[WORK ORDER]
Write out the stretch of lines below that begins at the line with "#185=IFCINDEXEDPOLYGONALFACE((17,21,22,18));" and ends at the line with "#194=IFCINDEXEDPOLYGONALFACE((35,36,40,39));", including both, exactly as given and nothing more.

[RECORDS PROVIDED]
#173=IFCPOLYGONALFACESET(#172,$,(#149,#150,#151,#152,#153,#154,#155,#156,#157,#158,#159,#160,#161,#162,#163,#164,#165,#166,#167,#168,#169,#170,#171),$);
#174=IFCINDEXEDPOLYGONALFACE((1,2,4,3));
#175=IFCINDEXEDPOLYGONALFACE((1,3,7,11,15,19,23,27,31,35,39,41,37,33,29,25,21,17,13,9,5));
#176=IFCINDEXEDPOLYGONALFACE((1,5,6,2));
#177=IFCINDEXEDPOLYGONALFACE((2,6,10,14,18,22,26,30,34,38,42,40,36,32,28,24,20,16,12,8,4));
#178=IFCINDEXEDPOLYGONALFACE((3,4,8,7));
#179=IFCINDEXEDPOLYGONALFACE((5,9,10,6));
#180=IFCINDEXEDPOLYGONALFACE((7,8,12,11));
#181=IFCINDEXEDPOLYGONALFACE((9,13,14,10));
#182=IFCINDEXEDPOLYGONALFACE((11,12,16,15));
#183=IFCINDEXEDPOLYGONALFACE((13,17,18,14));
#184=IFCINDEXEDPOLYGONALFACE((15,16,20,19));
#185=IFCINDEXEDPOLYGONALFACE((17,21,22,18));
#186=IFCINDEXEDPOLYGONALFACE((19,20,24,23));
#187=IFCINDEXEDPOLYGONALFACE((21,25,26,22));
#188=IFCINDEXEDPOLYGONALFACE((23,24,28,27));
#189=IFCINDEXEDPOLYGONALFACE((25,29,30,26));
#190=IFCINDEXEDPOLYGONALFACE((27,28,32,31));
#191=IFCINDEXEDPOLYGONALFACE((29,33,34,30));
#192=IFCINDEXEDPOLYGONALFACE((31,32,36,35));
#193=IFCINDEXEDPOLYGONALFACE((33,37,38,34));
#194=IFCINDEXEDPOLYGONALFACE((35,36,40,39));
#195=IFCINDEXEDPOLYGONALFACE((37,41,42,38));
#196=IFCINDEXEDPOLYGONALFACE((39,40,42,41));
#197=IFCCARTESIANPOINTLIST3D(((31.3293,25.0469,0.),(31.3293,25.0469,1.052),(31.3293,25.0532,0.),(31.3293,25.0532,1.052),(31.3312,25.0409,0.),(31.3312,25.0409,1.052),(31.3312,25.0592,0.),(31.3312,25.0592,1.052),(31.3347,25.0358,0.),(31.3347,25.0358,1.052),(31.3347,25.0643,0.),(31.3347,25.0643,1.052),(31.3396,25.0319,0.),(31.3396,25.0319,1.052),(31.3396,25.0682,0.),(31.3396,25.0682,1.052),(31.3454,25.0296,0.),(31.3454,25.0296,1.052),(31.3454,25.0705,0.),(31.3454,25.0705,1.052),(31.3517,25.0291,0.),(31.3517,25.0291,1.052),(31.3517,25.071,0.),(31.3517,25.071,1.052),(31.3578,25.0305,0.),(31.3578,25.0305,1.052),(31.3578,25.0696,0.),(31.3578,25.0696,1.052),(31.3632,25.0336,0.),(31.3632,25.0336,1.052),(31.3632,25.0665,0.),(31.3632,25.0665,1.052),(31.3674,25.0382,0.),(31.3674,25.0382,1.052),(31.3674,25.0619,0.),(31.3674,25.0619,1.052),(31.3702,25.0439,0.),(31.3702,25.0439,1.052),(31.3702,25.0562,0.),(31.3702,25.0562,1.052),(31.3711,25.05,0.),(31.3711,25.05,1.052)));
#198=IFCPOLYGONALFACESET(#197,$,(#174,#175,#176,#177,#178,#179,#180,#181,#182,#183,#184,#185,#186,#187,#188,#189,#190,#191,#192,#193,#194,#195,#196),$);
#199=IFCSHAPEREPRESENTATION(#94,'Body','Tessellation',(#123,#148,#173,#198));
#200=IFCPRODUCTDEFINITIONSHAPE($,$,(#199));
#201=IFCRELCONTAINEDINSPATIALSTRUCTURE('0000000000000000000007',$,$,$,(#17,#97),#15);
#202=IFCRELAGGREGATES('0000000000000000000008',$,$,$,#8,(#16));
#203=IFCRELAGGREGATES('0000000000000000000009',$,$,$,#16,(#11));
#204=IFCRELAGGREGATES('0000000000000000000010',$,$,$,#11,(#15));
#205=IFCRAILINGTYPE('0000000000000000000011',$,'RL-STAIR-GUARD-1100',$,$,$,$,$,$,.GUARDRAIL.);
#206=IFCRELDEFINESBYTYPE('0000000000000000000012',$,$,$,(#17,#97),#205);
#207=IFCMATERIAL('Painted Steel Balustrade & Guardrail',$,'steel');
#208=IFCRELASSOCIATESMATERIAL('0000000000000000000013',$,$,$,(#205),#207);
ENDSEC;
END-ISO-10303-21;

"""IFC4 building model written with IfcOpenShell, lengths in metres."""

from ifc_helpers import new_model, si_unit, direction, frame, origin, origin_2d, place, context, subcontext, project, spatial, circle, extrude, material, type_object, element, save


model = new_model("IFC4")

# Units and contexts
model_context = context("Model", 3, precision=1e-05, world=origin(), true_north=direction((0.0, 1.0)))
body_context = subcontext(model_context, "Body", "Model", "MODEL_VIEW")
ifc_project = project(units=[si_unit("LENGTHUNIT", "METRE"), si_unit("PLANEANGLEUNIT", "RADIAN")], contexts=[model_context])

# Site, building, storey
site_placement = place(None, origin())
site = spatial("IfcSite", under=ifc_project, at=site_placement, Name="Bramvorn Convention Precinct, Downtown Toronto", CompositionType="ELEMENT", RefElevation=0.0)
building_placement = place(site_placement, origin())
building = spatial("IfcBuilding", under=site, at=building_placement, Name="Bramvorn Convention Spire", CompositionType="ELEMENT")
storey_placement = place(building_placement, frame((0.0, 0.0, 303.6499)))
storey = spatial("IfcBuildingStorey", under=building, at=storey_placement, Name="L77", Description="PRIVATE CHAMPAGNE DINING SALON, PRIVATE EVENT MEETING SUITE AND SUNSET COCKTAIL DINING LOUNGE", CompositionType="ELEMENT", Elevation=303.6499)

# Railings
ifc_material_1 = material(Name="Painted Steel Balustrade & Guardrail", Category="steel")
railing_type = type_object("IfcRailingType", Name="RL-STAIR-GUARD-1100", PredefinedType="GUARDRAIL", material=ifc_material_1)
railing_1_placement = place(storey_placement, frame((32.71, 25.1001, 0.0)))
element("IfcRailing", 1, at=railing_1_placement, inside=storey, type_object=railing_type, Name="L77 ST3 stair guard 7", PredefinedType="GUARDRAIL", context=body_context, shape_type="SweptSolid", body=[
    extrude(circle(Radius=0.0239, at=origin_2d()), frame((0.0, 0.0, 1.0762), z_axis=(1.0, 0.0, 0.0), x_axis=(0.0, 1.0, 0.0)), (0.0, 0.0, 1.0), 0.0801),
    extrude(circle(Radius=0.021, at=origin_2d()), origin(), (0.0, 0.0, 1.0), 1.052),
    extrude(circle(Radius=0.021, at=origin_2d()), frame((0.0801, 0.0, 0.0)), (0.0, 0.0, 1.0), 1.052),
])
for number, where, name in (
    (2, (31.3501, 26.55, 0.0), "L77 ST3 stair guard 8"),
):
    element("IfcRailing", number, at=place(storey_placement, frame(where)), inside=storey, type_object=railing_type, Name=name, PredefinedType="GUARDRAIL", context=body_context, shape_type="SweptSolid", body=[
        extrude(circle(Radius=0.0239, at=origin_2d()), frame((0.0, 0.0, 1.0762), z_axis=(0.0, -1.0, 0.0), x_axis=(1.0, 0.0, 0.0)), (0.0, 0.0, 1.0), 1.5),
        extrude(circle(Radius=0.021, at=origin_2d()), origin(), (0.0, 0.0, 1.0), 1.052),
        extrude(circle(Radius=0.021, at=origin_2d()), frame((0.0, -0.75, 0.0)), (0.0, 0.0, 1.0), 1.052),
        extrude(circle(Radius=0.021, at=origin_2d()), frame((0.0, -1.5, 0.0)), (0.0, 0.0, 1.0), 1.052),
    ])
...
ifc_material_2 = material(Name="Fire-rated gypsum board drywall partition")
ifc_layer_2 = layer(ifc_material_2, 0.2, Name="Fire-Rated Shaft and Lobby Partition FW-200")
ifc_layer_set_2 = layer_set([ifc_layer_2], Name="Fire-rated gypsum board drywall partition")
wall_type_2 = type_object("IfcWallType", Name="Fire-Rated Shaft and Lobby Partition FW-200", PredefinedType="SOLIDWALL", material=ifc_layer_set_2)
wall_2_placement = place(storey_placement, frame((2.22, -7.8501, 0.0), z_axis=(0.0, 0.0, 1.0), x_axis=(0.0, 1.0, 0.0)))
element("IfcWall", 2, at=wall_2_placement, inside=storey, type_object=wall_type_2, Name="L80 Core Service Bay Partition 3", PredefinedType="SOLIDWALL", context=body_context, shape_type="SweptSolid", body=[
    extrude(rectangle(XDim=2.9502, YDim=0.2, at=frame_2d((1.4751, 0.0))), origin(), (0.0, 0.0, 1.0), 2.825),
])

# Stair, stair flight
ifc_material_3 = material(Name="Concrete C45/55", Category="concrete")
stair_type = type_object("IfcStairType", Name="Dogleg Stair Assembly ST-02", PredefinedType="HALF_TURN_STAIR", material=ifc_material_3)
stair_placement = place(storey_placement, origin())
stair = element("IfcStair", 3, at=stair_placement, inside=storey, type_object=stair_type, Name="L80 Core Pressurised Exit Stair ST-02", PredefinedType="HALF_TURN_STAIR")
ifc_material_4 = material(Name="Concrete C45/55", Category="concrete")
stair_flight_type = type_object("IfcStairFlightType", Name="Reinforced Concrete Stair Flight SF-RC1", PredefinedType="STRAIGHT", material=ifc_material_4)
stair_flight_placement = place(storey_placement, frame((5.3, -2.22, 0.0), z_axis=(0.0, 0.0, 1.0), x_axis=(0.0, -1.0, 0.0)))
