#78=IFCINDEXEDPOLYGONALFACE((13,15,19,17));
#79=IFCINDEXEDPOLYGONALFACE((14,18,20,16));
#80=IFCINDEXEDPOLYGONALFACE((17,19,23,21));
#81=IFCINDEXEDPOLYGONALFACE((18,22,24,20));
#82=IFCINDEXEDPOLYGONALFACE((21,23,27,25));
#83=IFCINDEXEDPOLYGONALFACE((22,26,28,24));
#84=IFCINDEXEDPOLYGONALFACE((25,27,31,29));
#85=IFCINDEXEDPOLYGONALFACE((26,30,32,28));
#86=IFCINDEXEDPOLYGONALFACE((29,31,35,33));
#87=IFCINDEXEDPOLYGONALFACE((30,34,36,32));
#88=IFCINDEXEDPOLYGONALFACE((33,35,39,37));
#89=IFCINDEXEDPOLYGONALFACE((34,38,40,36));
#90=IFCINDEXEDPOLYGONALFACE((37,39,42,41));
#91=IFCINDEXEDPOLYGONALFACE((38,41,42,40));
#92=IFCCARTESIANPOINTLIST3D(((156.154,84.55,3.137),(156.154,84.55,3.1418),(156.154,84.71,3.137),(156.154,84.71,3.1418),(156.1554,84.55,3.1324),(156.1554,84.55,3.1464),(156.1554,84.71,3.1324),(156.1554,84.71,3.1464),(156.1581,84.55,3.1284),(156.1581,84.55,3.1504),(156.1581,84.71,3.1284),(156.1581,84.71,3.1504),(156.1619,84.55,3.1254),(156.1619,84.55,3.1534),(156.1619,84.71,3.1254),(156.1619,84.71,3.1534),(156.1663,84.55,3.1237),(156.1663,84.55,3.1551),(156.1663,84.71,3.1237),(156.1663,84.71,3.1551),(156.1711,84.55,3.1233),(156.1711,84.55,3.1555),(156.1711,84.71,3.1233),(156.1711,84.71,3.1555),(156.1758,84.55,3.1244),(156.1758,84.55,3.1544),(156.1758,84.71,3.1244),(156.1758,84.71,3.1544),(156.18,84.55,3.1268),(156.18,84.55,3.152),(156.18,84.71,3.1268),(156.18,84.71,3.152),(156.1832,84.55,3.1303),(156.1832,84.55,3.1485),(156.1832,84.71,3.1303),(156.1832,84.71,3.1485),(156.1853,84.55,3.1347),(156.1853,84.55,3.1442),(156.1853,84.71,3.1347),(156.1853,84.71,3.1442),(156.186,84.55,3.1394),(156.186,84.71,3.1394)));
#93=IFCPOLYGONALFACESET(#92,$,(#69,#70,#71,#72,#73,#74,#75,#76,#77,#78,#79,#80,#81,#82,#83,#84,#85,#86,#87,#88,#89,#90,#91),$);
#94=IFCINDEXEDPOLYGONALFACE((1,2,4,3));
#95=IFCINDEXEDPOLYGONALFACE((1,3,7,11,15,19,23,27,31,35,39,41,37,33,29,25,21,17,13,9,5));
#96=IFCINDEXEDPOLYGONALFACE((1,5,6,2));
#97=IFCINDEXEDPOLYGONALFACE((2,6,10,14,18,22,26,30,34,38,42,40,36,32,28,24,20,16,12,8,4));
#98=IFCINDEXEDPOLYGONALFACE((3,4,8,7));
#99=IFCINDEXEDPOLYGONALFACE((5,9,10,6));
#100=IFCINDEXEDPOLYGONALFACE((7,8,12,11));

[OUTPUT BELOW]
#185=IFCINDEXEDPOLYGONALFACE((17,21,22,18));
#186=IFCINDEXEDPOLYGONALFACE((19,20,24,23));
#187=IFCINDEXEDPOLYGONALFACE((21,25,26,22));
#188=IFCINDEXEDPOLYGONALFACE((23,24,28,27));
#189=IFCINDEXEDPOLYGONALFACE((25,29,30,26));
#190=IFCINDEXEDPOLYGONALFACE((27,28,32,31));
#191=IFCINDEXEDPOLYGONALFACE((29,33,34,30));
#192=IFCINDEXEDPOLYGONALFACE((31,32,36,35));
#193=IFCINDEXEDPOLYGONALFACE((33,37,38,34));
#194=IFCINDEXEDPOLYGONALFACE((35,36,40,39));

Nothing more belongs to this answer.